**Assignment**.
Among the records that follow, find each line holding the word "PARTITIONING" and copy it.

**Dataset extract**.
+ + + +

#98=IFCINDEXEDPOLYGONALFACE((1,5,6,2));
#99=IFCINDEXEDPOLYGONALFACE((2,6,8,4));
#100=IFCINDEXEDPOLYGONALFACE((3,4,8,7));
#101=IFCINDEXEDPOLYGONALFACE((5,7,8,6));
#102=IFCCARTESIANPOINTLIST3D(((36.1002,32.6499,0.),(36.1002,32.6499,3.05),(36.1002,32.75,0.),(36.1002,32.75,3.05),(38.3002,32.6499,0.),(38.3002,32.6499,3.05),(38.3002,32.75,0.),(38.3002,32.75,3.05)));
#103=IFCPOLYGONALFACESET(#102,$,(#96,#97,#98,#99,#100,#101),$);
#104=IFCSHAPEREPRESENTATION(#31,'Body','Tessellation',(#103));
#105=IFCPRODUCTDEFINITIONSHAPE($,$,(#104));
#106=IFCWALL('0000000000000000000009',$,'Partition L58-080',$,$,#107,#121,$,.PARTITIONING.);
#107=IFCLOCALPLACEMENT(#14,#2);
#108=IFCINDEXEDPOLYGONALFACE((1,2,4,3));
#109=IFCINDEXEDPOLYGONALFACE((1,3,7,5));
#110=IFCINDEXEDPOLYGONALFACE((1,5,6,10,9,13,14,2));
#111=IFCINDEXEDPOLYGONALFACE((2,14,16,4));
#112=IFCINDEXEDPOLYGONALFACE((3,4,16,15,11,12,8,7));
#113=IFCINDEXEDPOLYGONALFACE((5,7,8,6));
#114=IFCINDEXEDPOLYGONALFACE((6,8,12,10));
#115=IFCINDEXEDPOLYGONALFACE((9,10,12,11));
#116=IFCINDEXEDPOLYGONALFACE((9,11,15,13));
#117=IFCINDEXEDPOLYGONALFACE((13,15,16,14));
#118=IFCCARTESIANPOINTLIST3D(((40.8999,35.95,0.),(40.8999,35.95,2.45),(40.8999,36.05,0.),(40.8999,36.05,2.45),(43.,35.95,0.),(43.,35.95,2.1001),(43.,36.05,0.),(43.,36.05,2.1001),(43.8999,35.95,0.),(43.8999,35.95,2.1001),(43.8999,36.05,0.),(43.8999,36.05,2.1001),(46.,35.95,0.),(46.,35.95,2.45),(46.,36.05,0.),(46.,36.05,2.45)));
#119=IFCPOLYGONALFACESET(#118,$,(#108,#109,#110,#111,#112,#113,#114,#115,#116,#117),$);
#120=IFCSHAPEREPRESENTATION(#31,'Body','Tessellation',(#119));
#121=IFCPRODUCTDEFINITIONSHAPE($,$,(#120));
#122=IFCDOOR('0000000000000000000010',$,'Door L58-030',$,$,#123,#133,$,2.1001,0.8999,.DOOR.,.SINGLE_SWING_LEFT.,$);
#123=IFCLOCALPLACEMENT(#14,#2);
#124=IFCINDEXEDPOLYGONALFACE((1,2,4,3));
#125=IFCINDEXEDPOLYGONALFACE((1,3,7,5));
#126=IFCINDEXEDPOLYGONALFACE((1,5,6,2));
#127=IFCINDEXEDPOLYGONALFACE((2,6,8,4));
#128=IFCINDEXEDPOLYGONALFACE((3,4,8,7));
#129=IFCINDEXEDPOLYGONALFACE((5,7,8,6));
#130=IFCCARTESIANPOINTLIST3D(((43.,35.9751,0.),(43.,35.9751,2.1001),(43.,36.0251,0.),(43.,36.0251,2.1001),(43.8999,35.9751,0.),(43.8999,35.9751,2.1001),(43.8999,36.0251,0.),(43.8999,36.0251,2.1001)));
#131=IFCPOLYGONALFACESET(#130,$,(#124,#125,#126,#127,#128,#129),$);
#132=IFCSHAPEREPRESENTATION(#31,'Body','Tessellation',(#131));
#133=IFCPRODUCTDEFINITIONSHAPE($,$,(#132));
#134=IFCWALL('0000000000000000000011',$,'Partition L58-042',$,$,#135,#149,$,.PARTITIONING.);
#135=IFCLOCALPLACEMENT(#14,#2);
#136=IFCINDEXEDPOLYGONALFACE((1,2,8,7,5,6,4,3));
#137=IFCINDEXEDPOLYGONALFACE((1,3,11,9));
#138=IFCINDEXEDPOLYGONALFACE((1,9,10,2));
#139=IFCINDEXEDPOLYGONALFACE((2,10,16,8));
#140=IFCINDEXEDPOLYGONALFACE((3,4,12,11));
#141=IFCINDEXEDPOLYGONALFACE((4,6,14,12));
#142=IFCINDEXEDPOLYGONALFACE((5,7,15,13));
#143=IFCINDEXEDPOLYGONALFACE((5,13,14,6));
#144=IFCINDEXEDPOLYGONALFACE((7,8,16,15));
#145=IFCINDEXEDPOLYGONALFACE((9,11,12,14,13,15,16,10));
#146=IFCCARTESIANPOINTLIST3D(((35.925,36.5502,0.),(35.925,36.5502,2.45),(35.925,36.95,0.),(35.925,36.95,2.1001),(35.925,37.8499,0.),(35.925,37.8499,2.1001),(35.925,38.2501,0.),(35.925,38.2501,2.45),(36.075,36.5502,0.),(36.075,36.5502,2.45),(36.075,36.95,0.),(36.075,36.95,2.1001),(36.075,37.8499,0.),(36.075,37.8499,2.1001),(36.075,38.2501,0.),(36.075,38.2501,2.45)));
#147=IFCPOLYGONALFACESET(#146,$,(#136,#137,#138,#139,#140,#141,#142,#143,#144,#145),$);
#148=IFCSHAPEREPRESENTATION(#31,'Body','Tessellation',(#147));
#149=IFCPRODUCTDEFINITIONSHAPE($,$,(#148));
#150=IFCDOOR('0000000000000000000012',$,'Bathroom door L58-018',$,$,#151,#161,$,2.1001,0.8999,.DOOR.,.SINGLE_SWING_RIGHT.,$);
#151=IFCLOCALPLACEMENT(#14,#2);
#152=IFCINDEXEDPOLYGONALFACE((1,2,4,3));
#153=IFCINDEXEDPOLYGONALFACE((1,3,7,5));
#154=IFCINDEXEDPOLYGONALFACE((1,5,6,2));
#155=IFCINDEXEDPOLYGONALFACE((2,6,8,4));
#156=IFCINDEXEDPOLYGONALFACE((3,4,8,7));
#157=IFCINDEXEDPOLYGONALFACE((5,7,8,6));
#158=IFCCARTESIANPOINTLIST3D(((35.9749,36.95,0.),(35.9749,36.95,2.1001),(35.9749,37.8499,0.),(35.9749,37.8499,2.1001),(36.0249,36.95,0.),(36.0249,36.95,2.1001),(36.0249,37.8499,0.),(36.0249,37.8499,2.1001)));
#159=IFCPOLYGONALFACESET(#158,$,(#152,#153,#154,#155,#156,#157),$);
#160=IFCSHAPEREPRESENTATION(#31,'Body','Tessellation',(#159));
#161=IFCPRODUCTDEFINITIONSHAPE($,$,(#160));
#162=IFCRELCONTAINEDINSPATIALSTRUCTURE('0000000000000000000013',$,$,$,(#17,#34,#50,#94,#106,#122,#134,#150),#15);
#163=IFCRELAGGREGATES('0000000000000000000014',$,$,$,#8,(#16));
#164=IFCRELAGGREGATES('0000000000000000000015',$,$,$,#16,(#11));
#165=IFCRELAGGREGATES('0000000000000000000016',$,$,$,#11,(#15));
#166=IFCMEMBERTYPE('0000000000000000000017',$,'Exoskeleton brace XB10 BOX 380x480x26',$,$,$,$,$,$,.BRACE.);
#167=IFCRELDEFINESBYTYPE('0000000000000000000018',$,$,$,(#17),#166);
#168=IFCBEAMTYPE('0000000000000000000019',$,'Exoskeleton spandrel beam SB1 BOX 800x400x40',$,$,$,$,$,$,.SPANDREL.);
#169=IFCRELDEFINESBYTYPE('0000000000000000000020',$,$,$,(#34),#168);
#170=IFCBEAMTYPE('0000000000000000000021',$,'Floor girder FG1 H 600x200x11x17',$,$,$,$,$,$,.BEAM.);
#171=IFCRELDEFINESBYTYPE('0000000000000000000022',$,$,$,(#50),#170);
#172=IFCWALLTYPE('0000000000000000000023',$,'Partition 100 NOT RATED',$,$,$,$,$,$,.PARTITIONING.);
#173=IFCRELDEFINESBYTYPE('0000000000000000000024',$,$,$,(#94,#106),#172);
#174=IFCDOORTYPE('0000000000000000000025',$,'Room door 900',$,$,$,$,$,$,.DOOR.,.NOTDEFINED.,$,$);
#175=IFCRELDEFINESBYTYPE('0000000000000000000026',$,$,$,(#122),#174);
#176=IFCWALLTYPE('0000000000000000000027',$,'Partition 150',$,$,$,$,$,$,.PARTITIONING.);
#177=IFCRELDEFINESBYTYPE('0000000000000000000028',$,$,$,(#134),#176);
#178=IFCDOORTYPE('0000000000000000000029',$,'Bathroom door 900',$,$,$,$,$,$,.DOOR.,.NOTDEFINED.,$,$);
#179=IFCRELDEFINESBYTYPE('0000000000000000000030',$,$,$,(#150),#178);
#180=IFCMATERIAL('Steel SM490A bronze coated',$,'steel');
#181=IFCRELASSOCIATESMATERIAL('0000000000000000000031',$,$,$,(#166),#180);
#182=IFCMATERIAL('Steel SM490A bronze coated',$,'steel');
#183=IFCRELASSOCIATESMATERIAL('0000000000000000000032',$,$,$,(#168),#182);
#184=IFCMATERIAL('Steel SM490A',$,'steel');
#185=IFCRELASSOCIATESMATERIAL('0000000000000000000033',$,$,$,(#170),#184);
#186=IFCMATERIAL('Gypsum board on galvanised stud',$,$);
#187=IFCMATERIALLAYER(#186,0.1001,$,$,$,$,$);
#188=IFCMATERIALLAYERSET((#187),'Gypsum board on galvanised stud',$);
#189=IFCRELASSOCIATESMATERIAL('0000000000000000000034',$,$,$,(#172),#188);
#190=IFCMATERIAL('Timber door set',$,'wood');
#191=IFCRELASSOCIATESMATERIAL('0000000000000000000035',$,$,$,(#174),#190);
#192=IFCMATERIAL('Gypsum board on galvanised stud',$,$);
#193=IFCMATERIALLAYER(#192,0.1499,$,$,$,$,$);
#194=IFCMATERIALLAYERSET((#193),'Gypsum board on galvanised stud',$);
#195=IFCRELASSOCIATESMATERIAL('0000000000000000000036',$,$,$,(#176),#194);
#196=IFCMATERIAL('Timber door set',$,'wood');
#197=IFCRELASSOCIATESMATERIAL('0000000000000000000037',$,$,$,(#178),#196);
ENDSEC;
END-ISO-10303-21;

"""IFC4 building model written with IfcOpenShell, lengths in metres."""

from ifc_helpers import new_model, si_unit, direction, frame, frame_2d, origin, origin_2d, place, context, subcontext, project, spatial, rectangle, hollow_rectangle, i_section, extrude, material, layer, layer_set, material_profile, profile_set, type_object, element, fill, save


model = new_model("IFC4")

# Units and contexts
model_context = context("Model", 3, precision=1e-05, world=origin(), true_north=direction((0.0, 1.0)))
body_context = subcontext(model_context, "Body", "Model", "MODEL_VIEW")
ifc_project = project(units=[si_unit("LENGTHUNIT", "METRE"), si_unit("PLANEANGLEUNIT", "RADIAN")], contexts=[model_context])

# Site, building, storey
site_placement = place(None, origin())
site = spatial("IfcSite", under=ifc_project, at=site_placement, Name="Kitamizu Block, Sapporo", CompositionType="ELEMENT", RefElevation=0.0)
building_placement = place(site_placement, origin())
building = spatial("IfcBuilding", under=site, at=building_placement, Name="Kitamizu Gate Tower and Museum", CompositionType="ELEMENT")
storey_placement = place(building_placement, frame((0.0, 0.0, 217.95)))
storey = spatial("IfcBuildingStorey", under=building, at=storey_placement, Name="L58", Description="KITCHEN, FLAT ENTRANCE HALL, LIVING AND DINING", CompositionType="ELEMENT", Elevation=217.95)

+ + + +

**Output below**.
#106=IFCWALL('0000000000000000000009',$,'Partition L58-080',$,$,#107,#121,$,.PARTITIONING.);
#134=IFCWALL('0000000000000000000011',$,'Partition L58-042',$,$,#135,#149,$,.PARTITIONING.);
#172=IFCWALLTYPE('0000000000000000000023',$,'Partition 100 NOT RATED',$,$,$,$,$,$,.PARTITIONING.);
#176=IFCWALLTYPE('0000000000000000000027',$,'Partition 150',$,$,$,$,$,$,.PARTITIONING.);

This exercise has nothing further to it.